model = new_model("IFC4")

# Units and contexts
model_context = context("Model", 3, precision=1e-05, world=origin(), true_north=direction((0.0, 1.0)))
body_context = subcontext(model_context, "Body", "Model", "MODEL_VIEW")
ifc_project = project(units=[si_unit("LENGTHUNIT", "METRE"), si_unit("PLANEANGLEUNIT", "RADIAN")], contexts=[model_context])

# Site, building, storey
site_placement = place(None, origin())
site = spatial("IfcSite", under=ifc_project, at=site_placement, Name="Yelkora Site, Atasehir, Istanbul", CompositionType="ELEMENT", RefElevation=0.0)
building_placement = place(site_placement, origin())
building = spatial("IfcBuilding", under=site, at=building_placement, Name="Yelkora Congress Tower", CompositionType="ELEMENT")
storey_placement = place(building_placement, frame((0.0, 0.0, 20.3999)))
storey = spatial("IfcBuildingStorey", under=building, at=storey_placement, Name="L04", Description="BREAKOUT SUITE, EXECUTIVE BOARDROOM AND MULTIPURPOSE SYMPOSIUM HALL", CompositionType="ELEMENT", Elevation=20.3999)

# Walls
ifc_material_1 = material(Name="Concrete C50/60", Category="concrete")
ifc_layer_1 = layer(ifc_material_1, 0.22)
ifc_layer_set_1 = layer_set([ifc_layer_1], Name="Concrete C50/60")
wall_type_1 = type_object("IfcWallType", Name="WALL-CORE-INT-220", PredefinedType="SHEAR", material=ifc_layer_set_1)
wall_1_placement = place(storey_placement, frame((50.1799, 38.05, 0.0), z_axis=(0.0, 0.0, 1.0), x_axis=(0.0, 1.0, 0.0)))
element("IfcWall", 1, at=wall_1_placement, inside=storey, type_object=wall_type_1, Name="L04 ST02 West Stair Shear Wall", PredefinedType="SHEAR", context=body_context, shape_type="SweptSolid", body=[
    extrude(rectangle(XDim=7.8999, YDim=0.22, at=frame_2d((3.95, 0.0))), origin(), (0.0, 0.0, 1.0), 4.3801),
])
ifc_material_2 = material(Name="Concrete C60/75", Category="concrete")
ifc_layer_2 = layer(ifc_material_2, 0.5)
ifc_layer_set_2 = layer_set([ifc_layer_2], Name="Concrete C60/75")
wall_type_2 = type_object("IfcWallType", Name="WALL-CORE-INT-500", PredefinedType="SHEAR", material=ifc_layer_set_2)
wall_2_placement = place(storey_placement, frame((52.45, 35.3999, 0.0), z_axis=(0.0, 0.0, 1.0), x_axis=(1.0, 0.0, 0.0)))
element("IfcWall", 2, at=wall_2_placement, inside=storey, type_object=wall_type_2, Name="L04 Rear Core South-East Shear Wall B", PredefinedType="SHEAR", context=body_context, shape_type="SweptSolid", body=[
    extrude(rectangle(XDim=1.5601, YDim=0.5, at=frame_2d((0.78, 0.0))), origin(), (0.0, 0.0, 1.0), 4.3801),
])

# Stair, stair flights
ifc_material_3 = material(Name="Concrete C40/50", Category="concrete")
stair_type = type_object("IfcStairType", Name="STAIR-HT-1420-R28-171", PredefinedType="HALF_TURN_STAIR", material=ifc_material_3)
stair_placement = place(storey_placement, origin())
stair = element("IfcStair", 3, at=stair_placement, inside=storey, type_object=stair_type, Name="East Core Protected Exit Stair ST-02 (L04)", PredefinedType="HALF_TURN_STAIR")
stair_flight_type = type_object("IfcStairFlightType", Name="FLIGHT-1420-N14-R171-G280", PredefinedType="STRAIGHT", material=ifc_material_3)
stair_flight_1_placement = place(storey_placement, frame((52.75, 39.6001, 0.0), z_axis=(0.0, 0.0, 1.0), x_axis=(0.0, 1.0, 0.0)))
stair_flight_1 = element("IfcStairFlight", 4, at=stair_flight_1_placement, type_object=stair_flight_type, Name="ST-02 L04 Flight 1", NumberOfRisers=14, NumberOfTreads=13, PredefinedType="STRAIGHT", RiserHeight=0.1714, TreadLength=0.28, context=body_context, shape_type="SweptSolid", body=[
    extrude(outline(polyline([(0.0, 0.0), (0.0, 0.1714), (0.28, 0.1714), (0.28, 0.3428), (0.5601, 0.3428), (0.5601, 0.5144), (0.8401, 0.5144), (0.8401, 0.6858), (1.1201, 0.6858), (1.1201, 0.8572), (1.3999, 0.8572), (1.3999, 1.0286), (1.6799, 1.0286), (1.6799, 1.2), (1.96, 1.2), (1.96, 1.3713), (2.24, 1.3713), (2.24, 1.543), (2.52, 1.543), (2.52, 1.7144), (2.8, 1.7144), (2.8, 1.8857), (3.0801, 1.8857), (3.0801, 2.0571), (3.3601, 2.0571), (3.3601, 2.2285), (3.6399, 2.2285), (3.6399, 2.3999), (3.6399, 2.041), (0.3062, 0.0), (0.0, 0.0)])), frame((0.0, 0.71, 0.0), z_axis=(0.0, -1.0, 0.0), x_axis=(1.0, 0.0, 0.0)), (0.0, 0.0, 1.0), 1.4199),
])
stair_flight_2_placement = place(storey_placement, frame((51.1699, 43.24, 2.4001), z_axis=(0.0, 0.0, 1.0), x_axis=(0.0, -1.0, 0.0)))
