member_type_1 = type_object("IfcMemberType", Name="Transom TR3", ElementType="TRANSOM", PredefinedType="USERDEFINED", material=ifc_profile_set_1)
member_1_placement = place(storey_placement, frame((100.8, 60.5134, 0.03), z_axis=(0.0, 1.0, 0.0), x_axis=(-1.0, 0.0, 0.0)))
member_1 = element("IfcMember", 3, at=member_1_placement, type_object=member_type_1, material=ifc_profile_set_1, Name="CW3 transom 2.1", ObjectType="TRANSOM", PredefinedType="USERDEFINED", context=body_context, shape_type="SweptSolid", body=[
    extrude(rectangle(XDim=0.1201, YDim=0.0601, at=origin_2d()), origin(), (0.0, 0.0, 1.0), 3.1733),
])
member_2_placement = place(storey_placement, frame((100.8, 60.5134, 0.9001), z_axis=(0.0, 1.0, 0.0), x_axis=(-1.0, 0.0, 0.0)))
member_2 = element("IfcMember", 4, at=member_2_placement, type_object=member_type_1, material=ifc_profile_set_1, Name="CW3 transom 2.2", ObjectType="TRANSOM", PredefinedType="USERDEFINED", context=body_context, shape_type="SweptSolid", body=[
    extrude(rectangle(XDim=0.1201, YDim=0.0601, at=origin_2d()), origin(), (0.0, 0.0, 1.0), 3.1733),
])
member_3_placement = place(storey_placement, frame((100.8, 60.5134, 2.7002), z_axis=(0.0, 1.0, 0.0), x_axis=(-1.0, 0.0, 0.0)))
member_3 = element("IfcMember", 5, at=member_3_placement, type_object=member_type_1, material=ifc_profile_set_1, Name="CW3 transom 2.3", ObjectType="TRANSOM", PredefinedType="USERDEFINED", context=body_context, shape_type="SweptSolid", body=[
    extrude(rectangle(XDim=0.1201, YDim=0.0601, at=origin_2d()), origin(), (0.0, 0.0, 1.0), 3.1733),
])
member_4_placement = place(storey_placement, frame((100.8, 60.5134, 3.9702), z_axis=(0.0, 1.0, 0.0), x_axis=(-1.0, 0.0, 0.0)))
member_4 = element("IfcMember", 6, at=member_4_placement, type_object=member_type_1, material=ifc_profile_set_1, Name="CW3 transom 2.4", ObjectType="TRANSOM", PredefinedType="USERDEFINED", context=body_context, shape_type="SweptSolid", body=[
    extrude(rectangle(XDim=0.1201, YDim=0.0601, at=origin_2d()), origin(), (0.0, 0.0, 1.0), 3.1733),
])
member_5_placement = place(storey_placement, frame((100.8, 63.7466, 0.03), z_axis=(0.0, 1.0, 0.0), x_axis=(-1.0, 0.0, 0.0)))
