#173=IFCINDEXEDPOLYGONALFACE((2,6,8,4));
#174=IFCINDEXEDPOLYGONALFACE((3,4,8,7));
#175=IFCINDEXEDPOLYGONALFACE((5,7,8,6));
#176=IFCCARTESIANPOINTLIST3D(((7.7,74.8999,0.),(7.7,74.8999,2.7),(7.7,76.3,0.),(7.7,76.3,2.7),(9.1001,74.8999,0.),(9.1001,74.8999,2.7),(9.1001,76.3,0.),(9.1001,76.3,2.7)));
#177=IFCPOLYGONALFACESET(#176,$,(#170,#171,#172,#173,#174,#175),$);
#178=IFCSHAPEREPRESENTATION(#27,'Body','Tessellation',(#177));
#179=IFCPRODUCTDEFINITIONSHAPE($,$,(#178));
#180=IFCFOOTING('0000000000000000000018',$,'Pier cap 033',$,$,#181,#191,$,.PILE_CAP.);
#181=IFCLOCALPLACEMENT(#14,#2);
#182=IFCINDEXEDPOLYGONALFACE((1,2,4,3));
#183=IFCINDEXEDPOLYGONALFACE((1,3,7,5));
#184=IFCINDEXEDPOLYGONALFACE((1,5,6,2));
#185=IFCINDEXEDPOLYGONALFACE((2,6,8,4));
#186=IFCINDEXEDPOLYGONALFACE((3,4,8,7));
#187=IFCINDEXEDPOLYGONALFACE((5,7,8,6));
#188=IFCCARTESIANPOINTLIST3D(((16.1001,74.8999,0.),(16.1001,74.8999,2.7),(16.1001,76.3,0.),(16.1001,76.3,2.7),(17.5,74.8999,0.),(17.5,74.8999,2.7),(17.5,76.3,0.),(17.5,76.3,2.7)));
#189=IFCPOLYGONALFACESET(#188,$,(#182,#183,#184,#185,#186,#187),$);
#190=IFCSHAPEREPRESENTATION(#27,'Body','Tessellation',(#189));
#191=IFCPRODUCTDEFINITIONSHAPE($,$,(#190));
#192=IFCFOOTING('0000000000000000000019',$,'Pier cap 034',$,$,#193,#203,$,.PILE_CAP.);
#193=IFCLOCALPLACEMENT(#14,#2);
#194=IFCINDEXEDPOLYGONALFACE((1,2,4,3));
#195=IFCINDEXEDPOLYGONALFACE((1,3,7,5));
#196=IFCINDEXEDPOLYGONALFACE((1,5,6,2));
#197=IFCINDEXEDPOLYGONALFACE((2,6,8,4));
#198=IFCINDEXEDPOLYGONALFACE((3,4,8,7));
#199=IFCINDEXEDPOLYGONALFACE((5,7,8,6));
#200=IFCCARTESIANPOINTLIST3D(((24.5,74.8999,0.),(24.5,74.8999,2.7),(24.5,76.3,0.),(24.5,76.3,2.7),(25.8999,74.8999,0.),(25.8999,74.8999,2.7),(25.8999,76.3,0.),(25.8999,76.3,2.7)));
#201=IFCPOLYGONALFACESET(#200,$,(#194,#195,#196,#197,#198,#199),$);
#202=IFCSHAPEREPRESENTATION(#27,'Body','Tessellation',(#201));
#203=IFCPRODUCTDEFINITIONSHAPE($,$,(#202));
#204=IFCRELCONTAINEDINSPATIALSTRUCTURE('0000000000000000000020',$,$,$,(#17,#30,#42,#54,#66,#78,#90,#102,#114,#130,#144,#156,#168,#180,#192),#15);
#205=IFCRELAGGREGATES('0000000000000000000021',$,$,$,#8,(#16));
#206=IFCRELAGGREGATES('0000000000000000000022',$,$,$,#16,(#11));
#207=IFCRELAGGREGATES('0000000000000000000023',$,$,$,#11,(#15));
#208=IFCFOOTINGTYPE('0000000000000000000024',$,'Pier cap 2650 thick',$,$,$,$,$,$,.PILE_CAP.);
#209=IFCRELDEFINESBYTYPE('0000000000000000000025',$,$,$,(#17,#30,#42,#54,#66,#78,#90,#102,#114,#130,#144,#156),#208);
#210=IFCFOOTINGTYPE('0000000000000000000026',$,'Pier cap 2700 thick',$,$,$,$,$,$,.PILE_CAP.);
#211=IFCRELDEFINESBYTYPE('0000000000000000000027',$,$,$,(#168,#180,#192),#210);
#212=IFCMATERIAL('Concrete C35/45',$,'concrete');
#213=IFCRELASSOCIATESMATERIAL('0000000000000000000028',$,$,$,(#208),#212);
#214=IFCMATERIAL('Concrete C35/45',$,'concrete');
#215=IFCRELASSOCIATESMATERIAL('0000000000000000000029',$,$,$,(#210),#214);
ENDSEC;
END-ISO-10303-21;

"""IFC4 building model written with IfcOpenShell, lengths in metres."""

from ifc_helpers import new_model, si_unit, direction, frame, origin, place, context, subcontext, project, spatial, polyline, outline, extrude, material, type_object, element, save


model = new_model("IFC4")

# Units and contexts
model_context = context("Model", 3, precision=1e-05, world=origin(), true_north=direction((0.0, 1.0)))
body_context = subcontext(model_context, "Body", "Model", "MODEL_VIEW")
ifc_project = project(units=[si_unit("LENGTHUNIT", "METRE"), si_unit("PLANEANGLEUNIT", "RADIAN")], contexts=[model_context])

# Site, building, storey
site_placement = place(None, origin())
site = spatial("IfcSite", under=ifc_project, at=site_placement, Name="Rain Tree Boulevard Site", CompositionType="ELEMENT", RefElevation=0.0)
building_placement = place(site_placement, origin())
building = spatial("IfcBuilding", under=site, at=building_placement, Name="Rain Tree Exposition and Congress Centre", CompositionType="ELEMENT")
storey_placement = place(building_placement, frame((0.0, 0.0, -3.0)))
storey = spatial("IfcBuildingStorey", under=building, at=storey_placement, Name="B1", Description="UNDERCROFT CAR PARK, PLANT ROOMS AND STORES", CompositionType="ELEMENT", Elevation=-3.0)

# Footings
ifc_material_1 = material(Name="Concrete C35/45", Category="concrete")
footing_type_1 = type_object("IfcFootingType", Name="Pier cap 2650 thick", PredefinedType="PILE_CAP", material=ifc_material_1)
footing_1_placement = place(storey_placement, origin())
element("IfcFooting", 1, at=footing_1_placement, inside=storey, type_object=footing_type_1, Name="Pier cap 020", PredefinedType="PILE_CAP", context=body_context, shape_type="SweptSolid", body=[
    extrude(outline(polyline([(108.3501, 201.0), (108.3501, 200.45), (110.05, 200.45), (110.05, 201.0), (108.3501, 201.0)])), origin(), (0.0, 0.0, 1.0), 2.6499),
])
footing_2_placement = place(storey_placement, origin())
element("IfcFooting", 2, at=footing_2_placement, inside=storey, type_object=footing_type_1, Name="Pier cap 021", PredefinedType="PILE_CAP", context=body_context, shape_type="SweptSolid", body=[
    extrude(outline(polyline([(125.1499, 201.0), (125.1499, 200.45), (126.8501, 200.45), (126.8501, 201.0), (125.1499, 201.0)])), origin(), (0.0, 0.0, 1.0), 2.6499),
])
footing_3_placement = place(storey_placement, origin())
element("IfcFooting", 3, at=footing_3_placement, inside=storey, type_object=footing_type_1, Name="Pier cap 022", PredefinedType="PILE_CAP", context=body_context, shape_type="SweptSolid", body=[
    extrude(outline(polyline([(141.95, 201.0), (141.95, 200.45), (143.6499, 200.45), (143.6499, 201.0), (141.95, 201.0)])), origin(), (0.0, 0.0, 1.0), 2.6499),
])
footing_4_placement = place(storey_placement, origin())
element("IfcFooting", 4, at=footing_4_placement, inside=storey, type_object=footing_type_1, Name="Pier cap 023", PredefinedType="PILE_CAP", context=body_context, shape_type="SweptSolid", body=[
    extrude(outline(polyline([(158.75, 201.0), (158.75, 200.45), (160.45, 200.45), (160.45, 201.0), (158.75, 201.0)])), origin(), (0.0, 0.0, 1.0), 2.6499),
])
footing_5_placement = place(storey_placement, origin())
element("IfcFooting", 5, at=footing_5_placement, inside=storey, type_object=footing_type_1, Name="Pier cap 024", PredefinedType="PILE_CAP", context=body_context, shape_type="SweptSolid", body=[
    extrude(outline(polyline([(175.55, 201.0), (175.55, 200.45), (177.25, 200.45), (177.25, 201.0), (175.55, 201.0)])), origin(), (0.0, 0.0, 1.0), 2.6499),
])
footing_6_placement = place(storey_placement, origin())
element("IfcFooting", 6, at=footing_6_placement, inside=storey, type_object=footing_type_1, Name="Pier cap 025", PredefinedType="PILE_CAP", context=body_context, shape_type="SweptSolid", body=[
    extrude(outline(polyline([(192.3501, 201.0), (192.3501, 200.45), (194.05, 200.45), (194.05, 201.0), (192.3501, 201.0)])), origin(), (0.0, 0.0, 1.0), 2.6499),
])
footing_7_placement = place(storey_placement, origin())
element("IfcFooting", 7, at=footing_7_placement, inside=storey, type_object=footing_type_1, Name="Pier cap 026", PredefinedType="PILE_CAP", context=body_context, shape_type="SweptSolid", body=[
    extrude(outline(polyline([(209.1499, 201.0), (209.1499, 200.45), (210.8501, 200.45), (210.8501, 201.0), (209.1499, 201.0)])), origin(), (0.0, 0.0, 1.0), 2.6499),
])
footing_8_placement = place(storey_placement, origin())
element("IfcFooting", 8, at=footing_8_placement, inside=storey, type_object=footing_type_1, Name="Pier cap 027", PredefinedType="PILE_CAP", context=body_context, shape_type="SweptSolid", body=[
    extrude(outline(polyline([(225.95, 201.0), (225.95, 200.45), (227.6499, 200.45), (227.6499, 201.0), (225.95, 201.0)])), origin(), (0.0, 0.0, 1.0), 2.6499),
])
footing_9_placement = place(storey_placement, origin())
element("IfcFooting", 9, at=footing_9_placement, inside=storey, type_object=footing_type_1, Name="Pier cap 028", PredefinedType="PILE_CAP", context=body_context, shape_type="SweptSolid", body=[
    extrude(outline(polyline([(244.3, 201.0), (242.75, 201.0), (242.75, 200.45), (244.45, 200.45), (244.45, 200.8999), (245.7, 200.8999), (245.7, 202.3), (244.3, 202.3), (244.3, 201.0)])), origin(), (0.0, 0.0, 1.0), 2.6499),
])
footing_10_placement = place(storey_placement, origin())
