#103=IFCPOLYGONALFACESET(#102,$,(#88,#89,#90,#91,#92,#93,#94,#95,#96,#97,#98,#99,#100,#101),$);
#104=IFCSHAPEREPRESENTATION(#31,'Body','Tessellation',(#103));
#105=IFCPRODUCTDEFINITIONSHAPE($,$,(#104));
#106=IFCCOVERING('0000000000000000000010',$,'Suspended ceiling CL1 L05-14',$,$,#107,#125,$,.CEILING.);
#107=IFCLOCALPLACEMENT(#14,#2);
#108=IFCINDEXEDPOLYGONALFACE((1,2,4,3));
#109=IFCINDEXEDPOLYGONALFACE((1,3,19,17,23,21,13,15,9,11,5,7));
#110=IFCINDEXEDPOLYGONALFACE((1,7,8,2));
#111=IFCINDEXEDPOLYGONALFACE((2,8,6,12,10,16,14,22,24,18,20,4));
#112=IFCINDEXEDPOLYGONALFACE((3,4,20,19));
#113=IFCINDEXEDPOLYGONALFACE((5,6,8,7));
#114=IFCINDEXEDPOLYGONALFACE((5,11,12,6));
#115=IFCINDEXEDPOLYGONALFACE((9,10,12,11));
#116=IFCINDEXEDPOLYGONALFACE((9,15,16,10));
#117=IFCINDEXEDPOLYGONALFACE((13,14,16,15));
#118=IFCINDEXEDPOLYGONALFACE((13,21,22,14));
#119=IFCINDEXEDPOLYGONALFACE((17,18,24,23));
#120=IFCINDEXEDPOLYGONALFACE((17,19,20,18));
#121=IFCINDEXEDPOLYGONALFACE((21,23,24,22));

▶ TASK STATEMENT:
The required output is the entries from their opening line through the line holding "frame((0.0, 0.0, 20.3999)))", repeated exactly, with both end lines kept.

▶ SOLUTION TO THE EXERCISE:
model = new_model("IFC4")

# Units and contexts
model_context = context("Model", 3, precision=1e-05, world=origin(), true_north=direction((0.0, 1.0)))
body_context = subcontext(model_context, "Body", "Model", "MODEL_VIEW")
ifc_project = project(units=[si_unit("LENGTHUNIT", "METRE"), si_unit("PLANEANGLEUNIT", "RADIAN")], contexts=[model_context])

# Site, building, storey
site_placement = place(None, origin())
site = spatial("IfcSite", under=ifc_project, at=site_placement, Name="Yelkora Site, Atasehir, Istanbul", CompositionType="ELEMENT", RefElevation=0.0)
building_placement = place(site_placement, origin())
building = spatial("IfcBuilding", under=site, at=building_placement, Name="Yelkora Congress Tower", CompositionType="ELEMENT")
storey_placement = place(building_placement, frame((0.0, 0.0, 20.3999)))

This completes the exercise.